Exercise goal: The expected response is a copy of every line in the entries below that includes the word "IFCSHAPEREPRESENTATION".

Data for processing:
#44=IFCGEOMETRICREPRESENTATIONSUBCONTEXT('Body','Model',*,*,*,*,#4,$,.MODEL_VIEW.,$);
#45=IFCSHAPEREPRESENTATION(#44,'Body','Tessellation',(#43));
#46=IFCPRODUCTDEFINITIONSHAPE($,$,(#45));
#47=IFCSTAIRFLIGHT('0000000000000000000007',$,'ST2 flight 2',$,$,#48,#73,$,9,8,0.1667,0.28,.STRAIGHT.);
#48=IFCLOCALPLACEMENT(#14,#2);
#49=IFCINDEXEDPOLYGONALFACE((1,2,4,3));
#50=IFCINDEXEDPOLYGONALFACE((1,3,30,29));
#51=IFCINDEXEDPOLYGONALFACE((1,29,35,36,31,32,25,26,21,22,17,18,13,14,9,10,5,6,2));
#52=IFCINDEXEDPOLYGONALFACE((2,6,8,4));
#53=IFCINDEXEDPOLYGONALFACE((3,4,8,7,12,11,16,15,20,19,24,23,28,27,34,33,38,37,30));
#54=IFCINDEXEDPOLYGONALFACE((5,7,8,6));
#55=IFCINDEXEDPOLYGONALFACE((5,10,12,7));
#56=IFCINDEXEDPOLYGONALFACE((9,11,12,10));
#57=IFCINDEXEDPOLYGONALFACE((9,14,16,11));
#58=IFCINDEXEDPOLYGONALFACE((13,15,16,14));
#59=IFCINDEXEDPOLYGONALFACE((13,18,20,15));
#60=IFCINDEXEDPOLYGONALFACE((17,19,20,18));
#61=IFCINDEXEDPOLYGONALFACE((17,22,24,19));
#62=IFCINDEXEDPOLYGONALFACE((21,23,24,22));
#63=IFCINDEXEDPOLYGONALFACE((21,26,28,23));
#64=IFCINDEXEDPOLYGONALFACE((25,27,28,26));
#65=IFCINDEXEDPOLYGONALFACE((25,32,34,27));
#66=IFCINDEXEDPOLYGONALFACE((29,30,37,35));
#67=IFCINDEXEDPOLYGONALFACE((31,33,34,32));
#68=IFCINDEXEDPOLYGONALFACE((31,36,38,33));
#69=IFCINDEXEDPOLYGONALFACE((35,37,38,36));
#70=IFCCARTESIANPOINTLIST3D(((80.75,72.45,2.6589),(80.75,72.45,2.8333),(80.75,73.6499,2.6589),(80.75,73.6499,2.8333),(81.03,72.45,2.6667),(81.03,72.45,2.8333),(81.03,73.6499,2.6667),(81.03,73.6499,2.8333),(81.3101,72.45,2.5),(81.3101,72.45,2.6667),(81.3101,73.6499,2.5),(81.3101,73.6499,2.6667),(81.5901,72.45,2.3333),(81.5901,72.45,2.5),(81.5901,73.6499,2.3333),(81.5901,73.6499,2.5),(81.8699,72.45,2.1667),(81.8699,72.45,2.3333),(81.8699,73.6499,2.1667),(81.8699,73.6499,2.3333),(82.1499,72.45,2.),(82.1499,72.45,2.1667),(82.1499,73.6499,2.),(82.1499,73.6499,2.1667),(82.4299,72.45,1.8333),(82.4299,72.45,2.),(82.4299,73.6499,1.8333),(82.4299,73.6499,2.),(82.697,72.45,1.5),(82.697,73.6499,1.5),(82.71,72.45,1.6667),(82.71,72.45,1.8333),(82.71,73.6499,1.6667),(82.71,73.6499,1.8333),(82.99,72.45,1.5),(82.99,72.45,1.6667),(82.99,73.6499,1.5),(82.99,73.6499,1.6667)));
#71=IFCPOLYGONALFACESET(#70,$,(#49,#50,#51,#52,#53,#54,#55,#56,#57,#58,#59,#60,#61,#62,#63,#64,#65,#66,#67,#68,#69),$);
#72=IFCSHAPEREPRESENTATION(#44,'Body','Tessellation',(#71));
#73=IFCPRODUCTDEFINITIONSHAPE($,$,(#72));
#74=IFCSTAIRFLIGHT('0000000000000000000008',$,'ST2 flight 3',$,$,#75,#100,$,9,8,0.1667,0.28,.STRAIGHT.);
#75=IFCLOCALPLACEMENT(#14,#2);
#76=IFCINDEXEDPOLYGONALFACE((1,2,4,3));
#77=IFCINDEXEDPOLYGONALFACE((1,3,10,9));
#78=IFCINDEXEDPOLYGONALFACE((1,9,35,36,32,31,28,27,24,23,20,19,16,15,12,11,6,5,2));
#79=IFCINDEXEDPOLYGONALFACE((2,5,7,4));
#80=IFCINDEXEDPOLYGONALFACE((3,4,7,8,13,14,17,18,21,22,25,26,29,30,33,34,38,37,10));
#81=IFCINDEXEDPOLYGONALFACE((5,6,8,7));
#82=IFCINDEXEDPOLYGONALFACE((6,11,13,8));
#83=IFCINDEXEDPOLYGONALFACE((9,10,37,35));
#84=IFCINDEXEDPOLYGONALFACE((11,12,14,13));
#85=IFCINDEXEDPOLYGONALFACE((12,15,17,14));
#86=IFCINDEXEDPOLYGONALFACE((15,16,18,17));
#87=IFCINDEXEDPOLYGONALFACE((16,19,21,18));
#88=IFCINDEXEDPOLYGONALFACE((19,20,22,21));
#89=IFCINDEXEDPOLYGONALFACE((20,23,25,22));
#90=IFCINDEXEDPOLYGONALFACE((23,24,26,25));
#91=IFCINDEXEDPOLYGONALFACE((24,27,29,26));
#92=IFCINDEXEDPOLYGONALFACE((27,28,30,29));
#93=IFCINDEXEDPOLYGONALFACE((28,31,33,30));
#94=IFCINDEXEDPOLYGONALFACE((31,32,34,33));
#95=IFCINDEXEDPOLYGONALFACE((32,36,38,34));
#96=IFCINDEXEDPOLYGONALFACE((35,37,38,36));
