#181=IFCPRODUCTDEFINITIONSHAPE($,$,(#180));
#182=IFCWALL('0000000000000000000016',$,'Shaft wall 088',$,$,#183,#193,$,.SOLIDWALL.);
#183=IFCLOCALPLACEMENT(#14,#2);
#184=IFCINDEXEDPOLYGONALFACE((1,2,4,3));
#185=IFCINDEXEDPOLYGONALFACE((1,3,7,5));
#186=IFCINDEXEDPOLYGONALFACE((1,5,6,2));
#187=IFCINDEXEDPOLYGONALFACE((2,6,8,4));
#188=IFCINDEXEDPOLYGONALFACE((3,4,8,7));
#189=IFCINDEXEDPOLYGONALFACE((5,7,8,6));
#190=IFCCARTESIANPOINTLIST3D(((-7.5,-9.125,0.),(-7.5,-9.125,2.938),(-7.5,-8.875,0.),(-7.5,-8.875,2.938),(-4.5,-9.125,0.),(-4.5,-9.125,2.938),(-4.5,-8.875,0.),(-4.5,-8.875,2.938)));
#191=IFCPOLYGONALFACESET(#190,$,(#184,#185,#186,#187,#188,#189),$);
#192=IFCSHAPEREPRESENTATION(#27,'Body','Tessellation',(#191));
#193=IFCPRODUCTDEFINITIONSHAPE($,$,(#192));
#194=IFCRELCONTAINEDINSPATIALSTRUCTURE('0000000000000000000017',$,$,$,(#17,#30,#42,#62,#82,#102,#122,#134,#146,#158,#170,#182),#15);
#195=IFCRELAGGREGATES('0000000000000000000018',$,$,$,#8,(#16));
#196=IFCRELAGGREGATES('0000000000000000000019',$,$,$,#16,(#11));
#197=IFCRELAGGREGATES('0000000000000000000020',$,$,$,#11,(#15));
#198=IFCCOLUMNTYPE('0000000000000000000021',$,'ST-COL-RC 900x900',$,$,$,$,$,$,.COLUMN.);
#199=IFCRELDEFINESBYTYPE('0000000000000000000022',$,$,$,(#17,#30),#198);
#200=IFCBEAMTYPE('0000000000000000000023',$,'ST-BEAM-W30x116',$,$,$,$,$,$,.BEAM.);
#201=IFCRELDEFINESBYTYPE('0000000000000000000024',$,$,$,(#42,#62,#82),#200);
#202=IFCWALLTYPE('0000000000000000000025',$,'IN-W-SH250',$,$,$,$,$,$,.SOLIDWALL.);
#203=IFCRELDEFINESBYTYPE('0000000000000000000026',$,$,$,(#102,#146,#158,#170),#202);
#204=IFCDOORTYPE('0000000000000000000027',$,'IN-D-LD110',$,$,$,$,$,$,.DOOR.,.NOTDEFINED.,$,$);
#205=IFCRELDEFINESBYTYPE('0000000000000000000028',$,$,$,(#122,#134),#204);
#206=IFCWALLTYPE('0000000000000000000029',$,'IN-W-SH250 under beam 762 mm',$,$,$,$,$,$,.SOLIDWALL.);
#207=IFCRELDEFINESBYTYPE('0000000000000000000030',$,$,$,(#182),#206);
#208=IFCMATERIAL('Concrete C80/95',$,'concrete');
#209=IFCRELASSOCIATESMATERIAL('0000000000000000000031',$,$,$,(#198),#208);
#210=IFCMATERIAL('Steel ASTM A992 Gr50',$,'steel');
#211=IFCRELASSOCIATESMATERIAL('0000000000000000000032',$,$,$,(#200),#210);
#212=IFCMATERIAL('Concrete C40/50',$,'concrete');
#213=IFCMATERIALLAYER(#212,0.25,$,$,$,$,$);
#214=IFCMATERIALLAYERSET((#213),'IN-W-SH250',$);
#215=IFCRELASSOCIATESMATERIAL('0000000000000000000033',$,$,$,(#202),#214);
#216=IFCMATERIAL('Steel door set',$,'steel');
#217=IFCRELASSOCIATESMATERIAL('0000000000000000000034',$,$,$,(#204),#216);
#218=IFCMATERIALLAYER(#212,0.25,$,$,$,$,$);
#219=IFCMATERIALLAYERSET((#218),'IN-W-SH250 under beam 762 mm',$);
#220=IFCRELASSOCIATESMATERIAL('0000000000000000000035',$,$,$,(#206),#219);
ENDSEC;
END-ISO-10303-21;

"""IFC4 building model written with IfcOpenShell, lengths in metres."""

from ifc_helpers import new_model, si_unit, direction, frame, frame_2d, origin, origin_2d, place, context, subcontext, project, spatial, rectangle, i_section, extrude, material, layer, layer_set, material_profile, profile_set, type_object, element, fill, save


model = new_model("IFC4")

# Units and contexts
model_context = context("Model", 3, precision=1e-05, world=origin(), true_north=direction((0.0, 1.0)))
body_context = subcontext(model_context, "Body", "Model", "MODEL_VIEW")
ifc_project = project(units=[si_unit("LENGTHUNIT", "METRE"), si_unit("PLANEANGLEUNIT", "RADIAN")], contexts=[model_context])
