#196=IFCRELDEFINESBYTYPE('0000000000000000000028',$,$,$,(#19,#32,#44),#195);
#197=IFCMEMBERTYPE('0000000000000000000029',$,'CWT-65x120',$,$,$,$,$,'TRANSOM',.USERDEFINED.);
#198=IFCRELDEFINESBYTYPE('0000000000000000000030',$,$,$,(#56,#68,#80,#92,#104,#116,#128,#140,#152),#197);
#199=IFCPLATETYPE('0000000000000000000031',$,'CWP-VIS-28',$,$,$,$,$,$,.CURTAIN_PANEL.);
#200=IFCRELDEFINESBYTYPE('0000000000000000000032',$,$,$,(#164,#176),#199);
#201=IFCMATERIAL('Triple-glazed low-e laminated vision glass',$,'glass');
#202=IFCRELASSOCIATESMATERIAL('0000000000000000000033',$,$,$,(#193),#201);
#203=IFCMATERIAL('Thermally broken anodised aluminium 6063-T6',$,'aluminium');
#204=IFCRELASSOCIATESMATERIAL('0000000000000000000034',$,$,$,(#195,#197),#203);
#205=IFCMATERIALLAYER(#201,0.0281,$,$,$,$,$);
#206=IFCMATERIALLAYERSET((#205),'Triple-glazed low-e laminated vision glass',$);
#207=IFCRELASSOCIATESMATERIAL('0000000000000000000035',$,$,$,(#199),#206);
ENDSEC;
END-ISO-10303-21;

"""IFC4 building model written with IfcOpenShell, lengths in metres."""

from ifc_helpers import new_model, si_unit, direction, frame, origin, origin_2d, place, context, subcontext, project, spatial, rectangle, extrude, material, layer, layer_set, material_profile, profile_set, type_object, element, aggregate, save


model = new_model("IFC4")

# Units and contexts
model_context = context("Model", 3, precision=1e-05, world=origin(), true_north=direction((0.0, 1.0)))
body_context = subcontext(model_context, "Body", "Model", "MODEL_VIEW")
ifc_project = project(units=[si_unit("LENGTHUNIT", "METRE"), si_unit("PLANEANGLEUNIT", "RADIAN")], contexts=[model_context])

Task solution:
#45=IFCSHAPEREPRESENTATION(#44,'Body','Tessellation',(#43));
#72=IFCSHAPEREPRESENTATION(#44,'Body','Tessellation',(#71));
#192=IFCSHAPEREPRESENTATION(#27,'Body','Tessellation',(#191));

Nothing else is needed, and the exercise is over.